**Data provided**
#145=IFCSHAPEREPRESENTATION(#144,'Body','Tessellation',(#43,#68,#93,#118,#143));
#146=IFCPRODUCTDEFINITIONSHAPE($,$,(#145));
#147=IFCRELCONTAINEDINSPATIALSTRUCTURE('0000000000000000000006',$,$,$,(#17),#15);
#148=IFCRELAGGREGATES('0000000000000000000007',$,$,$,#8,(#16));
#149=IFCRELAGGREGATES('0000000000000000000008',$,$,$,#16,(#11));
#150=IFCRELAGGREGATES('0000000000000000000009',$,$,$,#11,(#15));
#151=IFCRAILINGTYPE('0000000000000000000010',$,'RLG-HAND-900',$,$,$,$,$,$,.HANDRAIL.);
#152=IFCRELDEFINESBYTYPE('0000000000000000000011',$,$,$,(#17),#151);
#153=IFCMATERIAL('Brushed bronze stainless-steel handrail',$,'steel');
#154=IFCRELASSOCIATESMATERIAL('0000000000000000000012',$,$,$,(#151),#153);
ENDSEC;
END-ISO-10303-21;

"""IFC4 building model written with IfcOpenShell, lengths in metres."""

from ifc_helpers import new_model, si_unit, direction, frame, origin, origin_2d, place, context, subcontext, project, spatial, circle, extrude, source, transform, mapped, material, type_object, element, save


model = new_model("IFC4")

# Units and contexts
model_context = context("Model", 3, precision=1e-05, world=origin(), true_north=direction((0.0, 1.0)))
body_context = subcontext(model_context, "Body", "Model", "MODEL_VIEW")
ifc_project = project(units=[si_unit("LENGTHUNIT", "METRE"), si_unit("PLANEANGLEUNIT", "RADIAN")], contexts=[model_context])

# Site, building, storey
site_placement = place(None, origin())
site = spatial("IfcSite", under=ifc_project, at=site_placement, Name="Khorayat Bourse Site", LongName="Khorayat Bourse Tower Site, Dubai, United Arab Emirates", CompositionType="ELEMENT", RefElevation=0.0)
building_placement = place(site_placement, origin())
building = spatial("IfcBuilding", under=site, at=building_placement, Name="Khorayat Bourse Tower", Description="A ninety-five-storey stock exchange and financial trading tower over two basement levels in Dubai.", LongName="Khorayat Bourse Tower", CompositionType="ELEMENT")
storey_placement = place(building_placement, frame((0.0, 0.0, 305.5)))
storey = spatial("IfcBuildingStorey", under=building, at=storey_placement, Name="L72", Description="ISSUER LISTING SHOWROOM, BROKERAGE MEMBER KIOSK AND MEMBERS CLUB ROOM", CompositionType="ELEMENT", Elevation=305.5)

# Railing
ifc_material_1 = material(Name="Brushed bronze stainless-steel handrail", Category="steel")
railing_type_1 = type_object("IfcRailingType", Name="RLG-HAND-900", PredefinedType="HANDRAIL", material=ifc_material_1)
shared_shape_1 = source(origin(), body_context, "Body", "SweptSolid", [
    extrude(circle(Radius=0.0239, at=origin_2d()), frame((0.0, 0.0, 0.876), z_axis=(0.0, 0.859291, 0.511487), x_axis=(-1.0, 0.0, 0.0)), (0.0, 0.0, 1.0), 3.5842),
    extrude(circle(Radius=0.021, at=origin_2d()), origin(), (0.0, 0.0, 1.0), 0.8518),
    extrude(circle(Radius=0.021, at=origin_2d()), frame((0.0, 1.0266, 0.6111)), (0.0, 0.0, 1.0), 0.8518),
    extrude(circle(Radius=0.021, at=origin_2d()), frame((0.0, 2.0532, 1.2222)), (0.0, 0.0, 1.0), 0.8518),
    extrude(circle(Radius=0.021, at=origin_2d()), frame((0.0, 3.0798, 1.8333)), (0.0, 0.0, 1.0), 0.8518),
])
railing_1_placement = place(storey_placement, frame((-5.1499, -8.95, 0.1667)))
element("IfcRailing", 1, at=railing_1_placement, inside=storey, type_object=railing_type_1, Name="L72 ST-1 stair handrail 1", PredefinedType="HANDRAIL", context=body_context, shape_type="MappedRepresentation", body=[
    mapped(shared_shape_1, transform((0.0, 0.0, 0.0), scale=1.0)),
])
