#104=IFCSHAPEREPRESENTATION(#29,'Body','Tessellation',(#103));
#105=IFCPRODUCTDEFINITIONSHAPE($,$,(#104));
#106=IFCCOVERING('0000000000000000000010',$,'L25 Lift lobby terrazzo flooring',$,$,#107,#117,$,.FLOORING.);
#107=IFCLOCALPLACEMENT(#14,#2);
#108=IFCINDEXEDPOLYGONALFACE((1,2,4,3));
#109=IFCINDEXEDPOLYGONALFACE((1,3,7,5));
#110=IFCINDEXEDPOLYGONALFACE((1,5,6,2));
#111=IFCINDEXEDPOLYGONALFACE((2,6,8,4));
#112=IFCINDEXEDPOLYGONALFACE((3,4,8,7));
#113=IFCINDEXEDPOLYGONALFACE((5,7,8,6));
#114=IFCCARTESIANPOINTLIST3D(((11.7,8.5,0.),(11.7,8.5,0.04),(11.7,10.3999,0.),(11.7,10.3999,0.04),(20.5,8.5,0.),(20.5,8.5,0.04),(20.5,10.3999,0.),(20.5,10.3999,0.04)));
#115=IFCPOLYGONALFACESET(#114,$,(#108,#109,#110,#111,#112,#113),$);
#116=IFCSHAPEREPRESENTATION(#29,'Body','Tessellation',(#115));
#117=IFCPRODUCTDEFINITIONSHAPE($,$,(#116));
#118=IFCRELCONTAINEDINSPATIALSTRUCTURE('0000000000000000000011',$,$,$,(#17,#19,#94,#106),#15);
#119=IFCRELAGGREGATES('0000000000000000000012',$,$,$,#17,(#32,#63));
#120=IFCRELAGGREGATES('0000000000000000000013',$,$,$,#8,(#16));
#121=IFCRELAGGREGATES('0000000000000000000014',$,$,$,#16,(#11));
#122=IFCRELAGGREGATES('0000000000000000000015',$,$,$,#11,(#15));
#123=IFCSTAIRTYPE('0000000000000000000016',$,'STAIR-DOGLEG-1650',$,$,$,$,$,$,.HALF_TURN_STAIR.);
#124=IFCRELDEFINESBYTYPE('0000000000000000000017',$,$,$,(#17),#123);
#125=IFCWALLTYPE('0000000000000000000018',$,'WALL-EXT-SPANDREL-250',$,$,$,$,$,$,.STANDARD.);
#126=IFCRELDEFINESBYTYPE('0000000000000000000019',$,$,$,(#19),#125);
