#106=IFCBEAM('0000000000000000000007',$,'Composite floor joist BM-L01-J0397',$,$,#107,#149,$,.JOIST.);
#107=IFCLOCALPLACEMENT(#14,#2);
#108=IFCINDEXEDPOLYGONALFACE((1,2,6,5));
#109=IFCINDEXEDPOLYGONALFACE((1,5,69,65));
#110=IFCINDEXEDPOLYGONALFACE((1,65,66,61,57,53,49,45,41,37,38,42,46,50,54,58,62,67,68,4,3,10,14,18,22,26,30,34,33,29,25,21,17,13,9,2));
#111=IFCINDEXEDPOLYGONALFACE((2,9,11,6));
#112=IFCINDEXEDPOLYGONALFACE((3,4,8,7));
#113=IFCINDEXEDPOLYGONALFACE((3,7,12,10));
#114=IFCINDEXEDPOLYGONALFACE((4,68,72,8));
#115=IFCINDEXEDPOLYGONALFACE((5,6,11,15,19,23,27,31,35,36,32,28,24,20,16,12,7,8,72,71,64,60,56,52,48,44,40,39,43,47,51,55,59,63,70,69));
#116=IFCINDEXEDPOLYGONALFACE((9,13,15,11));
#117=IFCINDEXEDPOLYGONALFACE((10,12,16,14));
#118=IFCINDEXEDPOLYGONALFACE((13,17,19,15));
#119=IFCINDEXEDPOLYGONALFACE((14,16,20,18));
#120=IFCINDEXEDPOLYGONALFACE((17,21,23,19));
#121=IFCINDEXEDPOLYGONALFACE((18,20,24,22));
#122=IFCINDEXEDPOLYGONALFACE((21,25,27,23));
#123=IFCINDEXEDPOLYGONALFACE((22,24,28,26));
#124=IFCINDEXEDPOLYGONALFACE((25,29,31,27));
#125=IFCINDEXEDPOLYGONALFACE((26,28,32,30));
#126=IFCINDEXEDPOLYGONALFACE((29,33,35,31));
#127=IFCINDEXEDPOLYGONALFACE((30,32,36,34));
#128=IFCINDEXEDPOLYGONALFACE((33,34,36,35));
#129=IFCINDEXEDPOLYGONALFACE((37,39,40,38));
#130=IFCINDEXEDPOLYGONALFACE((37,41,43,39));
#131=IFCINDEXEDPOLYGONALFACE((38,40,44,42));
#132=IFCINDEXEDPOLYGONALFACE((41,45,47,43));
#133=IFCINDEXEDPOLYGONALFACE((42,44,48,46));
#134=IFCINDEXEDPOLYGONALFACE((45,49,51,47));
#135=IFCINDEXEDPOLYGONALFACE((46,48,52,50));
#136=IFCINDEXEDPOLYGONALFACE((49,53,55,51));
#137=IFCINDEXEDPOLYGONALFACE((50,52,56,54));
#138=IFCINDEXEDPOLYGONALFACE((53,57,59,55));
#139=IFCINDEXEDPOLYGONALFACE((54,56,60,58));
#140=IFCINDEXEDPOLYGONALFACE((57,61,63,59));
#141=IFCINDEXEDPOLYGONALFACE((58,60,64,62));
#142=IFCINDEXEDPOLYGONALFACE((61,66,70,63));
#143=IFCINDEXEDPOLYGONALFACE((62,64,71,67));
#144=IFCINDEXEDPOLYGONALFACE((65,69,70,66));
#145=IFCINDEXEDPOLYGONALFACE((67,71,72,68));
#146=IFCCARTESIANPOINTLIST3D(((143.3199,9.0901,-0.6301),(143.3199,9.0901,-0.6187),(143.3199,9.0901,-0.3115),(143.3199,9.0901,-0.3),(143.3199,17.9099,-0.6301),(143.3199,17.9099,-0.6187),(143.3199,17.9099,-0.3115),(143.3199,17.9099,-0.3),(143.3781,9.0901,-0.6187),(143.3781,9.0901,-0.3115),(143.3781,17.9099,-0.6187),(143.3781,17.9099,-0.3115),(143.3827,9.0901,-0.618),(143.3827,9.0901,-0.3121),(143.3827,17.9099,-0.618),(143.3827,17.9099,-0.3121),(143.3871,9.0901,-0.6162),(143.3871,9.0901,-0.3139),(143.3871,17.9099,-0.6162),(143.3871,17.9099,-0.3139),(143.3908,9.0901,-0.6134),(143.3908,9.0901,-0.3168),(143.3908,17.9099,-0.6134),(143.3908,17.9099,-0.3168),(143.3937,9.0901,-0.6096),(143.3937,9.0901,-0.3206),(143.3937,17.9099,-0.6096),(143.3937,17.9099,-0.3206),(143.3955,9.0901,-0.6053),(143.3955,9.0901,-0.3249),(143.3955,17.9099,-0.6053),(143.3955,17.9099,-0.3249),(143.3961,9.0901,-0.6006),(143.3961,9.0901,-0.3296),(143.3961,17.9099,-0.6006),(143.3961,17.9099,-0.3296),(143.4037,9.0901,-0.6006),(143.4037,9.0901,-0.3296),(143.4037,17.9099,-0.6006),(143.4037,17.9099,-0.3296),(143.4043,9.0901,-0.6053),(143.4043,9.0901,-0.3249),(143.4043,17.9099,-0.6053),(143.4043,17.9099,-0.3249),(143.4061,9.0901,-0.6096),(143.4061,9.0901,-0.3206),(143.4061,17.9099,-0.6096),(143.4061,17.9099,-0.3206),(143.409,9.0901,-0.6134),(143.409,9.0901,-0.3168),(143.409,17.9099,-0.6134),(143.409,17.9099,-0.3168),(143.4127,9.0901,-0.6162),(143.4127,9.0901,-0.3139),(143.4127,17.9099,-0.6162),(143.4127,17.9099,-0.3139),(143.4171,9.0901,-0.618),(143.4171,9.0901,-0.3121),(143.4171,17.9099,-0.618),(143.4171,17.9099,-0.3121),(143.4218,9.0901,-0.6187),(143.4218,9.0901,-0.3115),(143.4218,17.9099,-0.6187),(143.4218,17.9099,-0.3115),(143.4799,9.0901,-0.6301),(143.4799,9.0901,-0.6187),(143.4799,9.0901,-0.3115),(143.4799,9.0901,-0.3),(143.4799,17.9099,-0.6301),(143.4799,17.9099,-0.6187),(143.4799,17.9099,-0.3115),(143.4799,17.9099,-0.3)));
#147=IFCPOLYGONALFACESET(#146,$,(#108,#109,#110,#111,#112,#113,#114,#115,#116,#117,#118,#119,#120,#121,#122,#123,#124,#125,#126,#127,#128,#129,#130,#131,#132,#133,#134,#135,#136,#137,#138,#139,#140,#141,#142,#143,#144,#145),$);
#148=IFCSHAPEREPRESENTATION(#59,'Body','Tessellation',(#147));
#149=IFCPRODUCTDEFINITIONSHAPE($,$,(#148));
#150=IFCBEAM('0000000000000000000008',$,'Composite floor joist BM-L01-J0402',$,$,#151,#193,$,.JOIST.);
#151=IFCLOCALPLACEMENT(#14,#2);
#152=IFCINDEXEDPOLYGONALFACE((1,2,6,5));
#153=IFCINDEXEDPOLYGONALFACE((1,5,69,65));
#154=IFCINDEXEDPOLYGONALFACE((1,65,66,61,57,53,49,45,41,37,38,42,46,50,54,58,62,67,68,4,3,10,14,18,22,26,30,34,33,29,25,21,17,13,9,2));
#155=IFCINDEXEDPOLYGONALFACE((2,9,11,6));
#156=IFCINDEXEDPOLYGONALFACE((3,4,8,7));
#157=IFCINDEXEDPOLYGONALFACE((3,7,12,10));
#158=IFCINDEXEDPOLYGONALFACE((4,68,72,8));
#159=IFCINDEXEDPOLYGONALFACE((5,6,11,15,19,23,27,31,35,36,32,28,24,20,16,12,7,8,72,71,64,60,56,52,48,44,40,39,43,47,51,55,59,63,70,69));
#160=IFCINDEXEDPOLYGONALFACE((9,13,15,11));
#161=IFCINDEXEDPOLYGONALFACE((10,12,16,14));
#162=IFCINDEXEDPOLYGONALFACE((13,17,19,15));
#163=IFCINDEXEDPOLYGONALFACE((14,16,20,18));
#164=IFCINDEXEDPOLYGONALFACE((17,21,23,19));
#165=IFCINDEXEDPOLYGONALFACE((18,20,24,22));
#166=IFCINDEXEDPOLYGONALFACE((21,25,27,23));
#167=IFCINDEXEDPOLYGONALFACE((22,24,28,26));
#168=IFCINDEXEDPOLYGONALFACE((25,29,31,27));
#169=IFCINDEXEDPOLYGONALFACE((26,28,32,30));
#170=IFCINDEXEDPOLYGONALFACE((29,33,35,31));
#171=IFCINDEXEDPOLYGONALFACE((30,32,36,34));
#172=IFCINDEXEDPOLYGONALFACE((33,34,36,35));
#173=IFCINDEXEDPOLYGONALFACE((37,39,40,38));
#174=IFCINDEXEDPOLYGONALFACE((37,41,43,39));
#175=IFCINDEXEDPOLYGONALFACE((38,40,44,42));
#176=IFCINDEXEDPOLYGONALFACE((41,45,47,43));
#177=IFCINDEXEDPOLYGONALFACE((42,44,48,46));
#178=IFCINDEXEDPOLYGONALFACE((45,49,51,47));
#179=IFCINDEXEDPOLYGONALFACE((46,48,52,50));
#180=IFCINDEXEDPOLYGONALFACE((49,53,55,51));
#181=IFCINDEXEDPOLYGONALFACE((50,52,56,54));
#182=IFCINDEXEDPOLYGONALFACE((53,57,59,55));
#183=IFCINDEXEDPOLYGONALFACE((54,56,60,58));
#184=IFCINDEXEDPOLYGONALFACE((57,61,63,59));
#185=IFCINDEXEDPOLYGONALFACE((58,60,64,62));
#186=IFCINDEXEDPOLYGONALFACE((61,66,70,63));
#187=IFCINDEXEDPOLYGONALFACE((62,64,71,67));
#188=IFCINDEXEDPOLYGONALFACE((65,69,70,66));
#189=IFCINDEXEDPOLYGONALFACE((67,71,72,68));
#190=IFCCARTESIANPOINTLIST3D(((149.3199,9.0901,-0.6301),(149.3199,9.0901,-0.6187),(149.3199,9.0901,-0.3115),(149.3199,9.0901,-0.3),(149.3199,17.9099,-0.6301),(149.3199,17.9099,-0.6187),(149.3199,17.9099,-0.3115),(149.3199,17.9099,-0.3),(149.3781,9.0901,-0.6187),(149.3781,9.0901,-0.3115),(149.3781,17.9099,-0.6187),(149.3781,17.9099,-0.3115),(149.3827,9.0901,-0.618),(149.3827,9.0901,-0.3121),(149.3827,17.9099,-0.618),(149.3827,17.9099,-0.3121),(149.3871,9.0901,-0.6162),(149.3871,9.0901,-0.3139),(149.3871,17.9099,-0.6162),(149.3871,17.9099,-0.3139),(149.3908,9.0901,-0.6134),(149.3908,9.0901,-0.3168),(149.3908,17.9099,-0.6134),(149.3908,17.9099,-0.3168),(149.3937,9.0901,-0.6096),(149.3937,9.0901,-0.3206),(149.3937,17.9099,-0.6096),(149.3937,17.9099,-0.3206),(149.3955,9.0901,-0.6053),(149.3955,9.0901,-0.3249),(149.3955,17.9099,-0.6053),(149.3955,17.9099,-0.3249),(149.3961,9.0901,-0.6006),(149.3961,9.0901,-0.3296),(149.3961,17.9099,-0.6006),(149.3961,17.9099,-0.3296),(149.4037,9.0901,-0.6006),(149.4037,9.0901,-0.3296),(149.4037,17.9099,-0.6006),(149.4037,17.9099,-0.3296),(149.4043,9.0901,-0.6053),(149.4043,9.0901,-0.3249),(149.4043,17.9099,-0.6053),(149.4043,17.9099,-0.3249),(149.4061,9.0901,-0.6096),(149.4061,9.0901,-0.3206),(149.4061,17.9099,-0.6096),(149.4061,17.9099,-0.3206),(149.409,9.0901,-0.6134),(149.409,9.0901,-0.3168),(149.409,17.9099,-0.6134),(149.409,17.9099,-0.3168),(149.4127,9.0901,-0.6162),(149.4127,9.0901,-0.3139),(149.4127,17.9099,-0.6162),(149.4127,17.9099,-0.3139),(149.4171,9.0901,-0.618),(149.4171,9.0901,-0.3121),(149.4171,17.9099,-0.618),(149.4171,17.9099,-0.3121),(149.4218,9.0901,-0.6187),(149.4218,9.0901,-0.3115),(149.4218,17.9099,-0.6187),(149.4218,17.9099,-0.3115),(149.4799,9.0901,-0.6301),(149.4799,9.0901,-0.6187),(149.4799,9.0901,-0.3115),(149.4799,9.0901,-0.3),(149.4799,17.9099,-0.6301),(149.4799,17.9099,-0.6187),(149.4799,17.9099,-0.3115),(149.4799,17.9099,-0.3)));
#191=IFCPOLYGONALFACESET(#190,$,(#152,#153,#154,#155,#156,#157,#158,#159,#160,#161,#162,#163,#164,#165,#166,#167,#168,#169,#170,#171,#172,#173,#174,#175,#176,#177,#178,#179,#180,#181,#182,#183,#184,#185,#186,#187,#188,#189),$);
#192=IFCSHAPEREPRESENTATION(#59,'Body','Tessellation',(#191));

**Exercise details**
Lines holding the string "IFCPRODUCTDEFINITIONSHAPE" are the answer; copy each one from the listing above.

**Answer to the problem**
#146=IFCPRODUCTDEFINITIONSHAPE($,$,(#145));
#105=IFCPRODUCTDEFINITIONSHAPE($,$,(#104));
#117=IFCPRODUCTDEFINITIONSHAPE($,$,(#116));
#149=IFCPRODUCTDEFINITIONSHAPE($,$,(#148));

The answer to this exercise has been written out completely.